━━━━━ Given data ━━━━━
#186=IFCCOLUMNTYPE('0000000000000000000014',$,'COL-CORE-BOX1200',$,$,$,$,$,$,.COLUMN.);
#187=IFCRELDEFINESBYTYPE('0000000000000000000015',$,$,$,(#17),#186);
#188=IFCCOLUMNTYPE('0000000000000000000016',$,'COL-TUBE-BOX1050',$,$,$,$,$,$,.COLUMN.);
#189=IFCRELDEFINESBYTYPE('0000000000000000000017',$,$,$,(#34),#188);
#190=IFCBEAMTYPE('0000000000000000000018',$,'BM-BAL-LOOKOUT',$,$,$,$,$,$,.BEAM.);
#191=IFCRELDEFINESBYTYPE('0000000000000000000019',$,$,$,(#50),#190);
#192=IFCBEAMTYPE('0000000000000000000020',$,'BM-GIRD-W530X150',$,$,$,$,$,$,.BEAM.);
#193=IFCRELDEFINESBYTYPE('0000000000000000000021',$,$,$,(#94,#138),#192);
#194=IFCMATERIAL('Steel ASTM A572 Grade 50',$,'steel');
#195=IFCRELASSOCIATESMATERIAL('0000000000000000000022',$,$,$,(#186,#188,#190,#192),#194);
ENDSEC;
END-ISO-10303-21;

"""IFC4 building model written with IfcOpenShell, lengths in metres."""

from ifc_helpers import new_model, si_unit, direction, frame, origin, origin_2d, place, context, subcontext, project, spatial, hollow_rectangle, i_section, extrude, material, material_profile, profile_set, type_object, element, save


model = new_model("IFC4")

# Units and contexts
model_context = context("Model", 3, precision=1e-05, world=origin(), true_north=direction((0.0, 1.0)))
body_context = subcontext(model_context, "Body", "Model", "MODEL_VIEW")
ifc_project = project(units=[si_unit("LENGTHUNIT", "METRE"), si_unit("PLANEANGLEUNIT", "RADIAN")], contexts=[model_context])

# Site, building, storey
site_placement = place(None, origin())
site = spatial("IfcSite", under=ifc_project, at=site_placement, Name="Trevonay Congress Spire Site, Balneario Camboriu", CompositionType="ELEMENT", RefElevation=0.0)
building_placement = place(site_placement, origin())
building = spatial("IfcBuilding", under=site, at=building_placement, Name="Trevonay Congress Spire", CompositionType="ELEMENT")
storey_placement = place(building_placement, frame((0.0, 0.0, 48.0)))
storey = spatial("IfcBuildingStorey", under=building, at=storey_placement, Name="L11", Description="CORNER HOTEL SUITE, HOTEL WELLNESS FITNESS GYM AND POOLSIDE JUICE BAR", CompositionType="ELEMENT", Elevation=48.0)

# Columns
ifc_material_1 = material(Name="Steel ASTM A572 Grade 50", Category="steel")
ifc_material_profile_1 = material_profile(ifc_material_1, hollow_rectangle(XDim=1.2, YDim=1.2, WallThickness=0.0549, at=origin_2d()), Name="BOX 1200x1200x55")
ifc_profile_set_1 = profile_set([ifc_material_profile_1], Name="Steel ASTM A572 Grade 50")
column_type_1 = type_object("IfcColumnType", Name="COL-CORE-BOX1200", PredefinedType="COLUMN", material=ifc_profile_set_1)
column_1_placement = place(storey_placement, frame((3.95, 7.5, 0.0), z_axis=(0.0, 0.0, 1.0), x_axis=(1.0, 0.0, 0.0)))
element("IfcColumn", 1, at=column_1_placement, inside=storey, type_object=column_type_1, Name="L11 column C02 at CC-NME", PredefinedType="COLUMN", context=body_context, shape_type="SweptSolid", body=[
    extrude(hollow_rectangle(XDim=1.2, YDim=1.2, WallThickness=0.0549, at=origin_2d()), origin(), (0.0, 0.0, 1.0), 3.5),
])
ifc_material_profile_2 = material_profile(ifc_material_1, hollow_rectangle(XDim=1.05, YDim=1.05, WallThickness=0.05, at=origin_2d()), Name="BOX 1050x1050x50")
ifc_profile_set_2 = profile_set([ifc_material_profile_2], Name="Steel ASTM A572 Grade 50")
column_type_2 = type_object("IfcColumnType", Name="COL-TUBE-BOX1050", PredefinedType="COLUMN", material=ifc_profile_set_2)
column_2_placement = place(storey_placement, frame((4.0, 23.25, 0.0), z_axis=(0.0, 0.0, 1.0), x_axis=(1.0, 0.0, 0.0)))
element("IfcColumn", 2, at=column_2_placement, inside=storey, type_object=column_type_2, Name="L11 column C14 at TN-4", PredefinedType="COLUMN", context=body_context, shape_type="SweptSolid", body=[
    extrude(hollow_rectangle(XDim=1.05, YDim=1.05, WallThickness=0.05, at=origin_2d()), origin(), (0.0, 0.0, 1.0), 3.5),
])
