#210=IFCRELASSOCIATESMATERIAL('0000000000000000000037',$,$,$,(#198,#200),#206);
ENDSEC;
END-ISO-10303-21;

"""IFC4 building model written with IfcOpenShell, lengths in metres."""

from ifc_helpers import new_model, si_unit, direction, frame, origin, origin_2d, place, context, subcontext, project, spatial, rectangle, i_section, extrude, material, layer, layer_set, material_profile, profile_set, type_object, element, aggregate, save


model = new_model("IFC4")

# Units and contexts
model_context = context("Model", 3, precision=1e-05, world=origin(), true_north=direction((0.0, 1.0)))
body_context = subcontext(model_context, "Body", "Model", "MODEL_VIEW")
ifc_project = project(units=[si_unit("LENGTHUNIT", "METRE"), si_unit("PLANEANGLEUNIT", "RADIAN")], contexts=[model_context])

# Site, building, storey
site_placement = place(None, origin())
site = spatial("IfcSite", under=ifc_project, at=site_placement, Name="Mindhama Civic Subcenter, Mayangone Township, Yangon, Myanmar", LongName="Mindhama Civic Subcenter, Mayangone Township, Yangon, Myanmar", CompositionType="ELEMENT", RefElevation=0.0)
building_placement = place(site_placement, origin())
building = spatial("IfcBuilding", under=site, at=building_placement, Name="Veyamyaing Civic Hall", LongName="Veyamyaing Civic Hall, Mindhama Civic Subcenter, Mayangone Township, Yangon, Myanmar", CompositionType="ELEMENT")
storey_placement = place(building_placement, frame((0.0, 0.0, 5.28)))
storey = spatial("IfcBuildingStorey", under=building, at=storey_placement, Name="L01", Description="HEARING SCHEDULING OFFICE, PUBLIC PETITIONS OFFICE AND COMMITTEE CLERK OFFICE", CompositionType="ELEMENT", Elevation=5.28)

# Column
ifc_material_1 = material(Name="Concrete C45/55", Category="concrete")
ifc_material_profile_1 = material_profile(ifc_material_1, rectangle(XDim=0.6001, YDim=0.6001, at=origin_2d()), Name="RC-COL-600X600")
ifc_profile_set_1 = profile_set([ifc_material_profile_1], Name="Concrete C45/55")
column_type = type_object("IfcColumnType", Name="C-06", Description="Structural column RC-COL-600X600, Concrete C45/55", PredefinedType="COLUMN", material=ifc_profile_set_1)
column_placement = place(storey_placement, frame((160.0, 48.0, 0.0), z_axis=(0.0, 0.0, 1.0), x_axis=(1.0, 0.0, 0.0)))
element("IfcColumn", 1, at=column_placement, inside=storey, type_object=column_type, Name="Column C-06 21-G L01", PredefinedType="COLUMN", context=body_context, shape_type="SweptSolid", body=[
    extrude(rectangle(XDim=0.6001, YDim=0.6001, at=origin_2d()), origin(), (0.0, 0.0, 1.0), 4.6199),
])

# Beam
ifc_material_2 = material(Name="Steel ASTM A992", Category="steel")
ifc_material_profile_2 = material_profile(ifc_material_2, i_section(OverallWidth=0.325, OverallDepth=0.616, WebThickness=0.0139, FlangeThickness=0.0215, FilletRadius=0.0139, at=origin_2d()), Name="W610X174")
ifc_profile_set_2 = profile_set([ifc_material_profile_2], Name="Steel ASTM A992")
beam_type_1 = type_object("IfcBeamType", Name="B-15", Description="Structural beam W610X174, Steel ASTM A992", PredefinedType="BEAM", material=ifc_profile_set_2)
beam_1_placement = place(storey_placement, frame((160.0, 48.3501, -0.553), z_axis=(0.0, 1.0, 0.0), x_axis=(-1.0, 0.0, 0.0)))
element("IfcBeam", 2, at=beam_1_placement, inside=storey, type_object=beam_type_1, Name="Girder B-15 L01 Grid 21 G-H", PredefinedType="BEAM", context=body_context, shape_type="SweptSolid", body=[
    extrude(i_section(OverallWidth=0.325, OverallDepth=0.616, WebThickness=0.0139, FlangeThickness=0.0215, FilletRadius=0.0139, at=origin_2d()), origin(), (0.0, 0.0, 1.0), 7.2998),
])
━━━━━
▶ _Problem details_: Filter the data above down to lines with the word "Concrete", and copy them.

▶ _Exercise answer_:
ifc_material_1 = material(Name="Concrete C45/55", Category="concrete")
ifc_profile_set_1 = profile_set([ifc_material_profile_1], Name="Concrete C45/55")
column_type = type_object("IfcColumnType", Name="C-06", Description="Structural column RC-COL-600X600, Concrete C45/55", PredefinedType="COLUMN", material=ifc_profile_set_1)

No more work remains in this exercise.